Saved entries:
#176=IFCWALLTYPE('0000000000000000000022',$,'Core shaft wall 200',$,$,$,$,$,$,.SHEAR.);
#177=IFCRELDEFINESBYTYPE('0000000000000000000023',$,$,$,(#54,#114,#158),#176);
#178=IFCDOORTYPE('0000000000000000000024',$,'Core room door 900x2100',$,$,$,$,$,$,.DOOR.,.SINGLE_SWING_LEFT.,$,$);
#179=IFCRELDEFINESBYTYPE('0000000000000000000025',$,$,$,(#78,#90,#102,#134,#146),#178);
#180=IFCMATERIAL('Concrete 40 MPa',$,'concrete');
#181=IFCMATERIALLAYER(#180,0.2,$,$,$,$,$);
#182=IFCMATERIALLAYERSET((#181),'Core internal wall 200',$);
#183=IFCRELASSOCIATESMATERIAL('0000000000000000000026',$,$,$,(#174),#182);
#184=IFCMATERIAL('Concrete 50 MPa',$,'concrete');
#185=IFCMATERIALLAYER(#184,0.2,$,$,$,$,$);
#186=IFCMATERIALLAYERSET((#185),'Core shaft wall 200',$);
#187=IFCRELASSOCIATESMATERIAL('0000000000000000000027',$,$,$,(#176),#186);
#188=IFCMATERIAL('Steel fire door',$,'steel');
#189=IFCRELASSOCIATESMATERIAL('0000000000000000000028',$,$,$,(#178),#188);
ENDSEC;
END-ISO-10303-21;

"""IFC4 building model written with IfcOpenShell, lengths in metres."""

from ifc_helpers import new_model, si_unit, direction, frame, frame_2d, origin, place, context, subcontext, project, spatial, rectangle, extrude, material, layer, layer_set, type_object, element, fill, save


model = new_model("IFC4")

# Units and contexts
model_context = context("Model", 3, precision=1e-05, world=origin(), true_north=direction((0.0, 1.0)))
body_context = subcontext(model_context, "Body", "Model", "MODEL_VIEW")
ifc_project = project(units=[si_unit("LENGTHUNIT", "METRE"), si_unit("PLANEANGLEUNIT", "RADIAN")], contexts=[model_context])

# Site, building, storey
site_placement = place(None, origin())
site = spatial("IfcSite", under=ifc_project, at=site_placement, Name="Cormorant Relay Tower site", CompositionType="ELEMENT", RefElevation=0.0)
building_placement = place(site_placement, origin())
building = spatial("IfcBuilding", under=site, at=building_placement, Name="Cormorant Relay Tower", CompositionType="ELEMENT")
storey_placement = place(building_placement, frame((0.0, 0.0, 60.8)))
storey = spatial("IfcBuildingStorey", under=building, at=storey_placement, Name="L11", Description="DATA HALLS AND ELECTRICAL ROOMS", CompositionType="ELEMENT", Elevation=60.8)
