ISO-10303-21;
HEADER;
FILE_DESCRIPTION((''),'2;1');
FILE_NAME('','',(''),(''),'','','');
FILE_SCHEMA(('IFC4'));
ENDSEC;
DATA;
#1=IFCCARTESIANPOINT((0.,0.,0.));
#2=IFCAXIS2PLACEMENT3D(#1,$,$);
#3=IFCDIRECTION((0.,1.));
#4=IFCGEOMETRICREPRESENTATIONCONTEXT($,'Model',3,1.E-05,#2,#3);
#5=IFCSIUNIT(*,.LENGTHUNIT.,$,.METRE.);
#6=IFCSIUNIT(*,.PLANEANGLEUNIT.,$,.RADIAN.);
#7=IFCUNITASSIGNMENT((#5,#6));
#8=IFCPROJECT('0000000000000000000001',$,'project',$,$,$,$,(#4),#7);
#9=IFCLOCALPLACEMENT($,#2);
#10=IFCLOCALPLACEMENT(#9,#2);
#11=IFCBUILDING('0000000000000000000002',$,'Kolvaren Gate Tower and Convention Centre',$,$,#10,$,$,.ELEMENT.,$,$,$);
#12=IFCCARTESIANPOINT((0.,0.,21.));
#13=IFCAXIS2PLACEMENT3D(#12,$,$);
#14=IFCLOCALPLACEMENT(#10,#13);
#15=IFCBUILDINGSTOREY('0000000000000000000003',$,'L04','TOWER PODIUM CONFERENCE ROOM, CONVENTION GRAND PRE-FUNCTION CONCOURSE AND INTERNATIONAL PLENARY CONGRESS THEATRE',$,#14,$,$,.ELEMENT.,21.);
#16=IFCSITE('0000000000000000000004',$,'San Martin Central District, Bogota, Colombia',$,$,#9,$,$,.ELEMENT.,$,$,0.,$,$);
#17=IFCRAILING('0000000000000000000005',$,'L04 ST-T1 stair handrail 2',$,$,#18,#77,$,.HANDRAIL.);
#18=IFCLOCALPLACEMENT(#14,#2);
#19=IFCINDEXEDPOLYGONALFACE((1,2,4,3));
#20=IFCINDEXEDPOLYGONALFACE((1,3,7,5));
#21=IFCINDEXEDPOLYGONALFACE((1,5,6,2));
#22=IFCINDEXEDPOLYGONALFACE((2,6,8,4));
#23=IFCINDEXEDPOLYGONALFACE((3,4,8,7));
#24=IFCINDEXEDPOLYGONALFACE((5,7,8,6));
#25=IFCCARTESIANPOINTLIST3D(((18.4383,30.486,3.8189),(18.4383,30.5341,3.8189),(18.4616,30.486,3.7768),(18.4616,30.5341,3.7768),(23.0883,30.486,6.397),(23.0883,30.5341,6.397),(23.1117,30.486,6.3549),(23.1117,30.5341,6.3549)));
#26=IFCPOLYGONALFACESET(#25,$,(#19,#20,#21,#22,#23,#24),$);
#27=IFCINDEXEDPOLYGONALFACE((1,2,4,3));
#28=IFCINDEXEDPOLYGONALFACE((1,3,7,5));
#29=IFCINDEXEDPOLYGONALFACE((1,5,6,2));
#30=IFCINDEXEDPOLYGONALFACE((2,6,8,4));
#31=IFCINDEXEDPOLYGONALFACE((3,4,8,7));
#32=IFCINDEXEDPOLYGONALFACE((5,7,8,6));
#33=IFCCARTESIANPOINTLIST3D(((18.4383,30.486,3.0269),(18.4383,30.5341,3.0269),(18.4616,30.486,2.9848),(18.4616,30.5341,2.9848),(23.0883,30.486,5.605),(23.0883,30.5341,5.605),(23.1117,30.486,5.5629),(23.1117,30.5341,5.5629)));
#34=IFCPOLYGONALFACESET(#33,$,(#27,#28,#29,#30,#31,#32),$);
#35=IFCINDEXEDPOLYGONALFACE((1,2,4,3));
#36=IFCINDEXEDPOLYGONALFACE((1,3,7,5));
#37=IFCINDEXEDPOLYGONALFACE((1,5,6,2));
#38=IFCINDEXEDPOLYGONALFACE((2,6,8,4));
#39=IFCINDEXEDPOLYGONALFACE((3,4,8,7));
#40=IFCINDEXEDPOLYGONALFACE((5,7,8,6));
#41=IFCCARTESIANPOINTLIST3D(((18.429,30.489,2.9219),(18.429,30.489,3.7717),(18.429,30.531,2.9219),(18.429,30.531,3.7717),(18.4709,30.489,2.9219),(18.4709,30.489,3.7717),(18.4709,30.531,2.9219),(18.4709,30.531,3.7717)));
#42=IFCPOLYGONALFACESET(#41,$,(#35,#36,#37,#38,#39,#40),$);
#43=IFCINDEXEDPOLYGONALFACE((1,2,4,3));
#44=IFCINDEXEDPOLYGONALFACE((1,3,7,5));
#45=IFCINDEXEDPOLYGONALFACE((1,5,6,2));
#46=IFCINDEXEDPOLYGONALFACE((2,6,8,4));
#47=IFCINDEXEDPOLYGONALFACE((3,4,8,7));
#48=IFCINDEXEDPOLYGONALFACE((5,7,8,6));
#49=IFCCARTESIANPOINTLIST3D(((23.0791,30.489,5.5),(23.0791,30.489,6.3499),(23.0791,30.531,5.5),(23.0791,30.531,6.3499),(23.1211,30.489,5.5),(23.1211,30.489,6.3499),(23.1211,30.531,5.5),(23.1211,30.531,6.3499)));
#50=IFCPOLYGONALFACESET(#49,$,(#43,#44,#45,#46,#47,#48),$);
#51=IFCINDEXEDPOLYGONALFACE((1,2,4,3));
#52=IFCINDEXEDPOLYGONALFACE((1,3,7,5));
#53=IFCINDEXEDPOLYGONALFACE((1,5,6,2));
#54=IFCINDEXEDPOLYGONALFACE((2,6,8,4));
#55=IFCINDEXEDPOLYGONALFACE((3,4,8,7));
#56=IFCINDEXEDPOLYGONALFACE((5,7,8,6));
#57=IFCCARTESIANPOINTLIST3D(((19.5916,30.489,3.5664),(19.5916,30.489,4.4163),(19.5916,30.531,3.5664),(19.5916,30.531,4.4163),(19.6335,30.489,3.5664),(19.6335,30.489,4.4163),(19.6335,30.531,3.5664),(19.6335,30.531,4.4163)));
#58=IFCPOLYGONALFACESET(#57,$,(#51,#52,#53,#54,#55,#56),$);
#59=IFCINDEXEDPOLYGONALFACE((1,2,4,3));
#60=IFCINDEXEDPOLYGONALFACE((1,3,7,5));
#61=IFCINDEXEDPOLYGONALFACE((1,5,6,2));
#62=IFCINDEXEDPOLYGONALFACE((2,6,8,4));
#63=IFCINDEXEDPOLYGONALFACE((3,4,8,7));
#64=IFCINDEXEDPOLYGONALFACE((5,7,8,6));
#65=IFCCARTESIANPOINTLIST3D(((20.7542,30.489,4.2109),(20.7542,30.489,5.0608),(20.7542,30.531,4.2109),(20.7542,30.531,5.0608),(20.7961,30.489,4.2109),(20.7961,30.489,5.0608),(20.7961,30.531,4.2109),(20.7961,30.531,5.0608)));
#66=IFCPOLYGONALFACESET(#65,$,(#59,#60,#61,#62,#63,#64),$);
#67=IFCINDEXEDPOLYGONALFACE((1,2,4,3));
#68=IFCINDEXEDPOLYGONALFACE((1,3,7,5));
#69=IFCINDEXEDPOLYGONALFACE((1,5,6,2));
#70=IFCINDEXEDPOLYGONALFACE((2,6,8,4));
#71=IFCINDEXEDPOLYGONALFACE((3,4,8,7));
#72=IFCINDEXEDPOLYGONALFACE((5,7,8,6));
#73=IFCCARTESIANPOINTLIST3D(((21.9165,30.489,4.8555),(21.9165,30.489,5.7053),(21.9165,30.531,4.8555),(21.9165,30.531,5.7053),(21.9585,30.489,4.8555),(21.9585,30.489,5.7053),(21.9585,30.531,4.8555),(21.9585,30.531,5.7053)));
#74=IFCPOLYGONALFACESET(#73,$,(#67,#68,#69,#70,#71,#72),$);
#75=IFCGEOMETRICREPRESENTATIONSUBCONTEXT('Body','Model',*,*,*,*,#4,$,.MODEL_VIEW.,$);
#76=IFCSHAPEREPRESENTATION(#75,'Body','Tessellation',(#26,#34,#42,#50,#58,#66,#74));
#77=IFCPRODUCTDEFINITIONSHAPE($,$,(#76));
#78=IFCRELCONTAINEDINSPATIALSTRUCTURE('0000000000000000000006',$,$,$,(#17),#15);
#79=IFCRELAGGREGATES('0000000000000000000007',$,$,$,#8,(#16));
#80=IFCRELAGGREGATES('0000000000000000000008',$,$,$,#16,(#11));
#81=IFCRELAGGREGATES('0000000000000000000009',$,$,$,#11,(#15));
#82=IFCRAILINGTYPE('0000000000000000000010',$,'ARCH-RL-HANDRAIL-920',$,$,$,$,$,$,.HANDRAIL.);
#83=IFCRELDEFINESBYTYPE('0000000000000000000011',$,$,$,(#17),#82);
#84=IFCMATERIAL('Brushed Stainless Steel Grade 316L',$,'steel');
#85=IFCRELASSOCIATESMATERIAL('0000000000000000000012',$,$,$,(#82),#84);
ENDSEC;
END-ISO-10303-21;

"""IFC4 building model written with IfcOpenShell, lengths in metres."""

from ifc_helpers import new_model, si_unit, direction, frame, origin, origin_2d, place, context, subcontext, project, spatial, rectangle, extrude, material, type_object, element, save


model = new_model("IFC4")

# Units and contexts
model_context = context("Model", 3, precision=1e-05, world=origin(), true_north=direction((0.0, 1.0)))
body_context = subcontext(model_context, "Body", "Model", "MODEL_VIEW")
ifc_project = project(units=[si_unit("LENGTHUNIT", "METRE"), si_unit("PLANEANGLEUNIT", "RADIAN")], contexts=[model_context])

# Site, building, storey
site_placement = place(None, origin())
site = spatial("IfcSite", under=ifc_project, at=site_placement, Name="San Martin Central District, Bogota, Colombia", CompositionType="ELEMENT", RefElevation=0.0)
building_placement = place(site_placement, origin())
building = spatial("IfcBuilding", under=site, at=building_placement, Name="Kolvaren Gate Tower and Convention Centre", CompositionType="ELEMENT")
storey_placement = place(building_placement, frame((0.0, 0.0, 21.0)))
storey = spatial("IfcBuildingStorey", under=building, at=storey_placement, Name="L04", Description="TOWER PODIUM CONFERENCE ROOM, CONVENTION GRAND PRE-FUNCTION CONCOURSE AND INTERNATIONAL PLENARY CONGRESS THEATRE", CompositionType="ELEMENT", Elevation=21.0)

# Railing
ifc_material_1 = material(Name="Brushed Stainless Steel Grade 316L", Category="steel")
railing_type_1 = type_object("IfcRailingType", Name="ARCH-RL-HANDRAIL-920", PredefinedType="HANDRAIL", material=ifc_material_1)
railing_1_placement = place(storey_placement, frame((18.45, 30.51, 2.9219)))
element("IfcRailing", 1, at=railing_1_placement, inside=storey, type_object=railing_type_1, Name="L04 ST-T1 stair handrail 2", PredefinedType="HANDRAIL", context=body_context, shape_type="SweptSolid", body=[
    extrude(rectangle(XDim=0.0481, YDim=0.0481, at=origin_2d()), frame((0.0, 0.0, 0.876), z_axis=(0.874579, 0.0, 0.484883), x_axis=(0.0, 1.0, 0.0)), (0.0, 0.0, 1.0), 5.3169),
    extrude(rectangle(XDim=0.0481, YDim=0.0481, at=origin_2d()), frame((0.0, 0.0, 0.084), z_axis=(0.874579, 0.0, 0.484883), x_axis=(0.0, 1.0, 0.0)), (0.0, 0.0, 1.0), 5.3169),
    extrude(rectangle(XDim=0.042, YDim=0.042, at=origin_2d()), origin(), (0.0, 0.0, 1.0), 0.8499),
    extrude(rectangle(XDim=0.042, YDim=0.042, at=origin_2d()), frame((4.6501, 0.0, 2.5781)), (0.0, 0.0, 1.0), 0.8499),
    extrude(rectangle(XDim=0.042, YDim=0.042, at=origin_2d()), frame((1.1626, 0.0, 0.6445)), (0.0, 0.0, 1.0), 0.8499),
    extrude(rectangle(XDim=0.042, YDim=0.042, at=origin_2d()), frame((2.3252, 0.0, 1.2891)), (0.0, 0.0, 1.0), 0.8499),
    extrude(rectangle(XDim=0.042, YDim=0.042, at=origin_2d()), frame((3.4875, 0.0, 1.9336)), (0.0, 0.0, 1.0), 0.8499),
])

save(model, "model.ifc")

GOAL OF THE EXERCISE
Please say how many lines of the records contain the word "wall", giving the number by itself.

RESPONSE
3